MATERIAL PROVIDED:
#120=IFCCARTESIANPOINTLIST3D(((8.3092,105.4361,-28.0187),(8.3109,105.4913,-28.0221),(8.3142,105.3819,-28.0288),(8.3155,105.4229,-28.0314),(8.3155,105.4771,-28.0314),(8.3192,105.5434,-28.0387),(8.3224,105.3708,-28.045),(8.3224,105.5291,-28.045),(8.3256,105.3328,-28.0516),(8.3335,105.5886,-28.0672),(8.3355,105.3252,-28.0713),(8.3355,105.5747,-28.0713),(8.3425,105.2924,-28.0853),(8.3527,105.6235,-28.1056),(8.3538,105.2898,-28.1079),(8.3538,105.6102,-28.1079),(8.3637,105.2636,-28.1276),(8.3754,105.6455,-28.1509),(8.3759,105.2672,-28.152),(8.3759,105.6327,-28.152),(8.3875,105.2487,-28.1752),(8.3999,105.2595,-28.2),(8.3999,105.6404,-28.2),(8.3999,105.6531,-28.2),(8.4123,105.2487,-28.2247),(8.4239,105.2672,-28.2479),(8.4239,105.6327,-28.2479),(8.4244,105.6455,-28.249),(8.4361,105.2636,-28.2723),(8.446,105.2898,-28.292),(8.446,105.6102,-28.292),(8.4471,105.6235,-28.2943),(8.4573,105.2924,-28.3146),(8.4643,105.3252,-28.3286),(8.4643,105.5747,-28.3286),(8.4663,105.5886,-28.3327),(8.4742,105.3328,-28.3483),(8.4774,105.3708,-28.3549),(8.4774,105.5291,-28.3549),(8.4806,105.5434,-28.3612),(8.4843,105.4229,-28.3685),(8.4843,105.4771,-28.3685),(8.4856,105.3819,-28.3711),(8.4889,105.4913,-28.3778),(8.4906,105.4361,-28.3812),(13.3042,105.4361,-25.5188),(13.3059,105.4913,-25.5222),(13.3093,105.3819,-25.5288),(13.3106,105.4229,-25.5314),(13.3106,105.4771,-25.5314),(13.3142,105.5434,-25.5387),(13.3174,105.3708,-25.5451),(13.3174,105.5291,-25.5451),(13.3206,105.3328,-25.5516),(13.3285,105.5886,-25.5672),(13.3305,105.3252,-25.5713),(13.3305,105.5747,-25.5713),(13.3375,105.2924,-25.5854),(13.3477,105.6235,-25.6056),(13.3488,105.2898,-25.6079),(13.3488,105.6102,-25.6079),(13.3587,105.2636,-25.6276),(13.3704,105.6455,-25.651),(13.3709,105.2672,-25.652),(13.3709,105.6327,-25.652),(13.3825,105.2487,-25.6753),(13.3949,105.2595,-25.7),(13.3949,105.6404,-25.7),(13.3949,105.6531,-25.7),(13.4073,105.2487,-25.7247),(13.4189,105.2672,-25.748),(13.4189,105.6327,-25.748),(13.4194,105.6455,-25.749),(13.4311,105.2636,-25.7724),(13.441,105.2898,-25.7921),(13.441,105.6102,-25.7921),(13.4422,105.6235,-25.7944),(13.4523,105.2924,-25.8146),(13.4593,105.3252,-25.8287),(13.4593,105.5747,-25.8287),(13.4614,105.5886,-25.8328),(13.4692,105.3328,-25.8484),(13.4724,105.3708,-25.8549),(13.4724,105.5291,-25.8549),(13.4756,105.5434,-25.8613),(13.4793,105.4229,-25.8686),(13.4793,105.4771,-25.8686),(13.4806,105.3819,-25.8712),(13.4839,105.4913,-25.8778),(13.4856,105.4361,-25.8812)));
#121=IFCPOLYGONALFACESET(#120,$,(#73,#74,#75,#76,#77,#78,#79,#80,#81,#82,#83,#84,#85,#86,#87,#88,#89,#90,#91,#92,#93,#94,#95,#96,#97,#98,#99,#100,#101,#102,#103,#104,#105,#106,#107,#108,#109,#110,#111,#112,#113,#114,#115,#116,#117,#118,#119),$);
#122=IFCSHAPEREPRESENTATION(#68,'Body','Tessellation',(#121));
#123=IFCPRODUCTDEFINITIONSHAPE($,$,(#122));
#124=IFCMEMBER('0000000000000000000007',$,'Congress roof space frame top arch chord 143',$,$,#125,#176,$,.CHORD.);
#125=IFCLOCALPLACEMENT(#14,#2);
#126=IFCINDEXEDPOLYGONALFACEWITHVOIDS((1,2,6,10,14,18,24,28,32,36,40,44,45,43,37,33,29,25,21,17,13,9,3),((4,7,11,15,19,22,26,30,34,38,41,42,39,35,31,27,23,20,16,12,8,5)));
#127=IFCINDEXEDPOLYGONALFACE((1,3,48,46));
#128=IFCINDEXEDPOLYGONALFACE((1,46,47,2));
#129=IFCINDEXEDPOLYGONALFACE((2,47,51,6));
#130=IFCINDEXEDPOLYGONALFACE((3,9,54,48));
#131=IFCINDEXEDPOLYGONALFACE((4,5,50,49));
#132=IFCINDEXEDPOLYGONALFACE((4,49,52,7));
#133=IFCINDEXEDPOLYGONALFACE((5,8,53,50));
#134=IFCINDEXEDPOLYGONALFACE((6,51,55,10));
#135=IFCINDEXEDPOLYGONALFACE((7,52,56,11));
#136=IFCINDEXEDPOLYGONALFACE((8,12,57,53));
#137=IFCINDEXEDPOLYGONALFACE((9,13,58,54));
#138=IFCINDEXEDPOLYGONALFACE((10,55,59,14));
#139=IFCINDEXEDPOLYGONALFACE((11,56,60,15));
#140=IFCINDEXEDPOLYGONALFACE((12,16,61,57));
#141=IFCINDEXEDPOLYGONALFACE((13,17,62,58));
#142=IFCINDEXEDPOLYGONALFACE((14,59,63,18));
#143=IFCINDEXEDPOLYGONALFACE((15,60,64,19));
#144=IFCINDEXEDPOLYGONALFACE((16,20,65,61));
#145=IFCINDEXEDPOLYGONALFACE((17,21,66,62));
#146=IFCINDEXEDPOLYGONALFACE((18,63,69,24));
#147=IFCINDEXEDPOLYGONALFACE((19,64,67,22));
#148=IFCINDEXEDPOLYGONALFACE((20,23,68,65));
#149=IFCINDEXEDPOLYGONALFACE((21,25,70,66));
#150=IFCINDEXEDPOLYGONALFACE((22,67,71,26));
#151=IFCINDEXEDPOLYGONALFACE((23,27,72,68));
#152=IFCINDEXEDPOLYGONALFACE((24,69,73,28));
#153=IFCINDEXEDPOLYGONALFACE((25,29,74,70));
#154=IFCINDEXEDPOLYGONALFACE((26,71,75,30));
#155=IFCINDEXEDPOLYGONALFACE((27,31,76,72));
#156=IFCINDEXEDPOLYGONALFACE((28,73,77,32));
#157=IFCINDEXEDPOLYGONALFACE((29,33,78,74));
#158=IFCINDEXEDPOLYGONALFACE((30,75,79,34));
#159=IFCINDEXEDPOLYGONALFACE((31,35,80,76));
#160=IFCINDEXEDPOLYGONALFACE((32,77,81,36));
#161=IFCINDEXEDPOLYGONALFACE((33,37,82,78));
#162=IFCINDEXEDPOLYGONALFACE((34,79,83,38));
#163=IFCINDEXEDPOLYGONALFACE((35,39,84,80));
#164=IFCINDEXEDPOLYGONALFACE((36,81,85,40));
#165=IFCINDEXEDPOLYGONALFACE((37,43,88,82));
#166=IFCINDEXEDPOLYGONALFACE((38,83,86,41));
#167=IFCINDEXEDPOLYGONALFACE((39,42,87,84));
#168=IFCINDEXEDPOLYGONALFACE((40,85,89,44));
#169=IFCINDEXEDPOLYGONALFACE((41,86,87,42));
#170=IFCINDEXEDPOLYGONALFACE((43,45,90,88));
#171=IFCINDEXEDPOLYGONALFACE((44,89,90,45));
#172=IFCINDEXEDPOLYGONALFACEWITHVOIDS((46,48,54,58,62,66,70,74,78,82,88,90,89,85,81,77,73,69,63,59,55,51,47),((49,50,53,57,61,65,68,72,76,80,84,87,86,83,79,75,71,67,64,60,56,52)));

ASSIGNED TASK:
Output nothing but the line containing "#171=IFCINDEXEDPOLYGONALFACE((44,89,90,45));" and each line after it in the entries above, exactly as written.

TASK RESULT:
#171=IFCINDEXEDPOLYGONALFACE((44,89,90,45));
#172=IFCINDEXEDPOLYGONALFACEWITHVOIDS((46,48,54,58,62,66,70,74,78,82,88,90,89,85,81,77,73,69,63,59,55,51,47),((49,50,53,57,61,65,68,72,76,80,84,87,86,83,79,75,71,67,64,60,56,52)));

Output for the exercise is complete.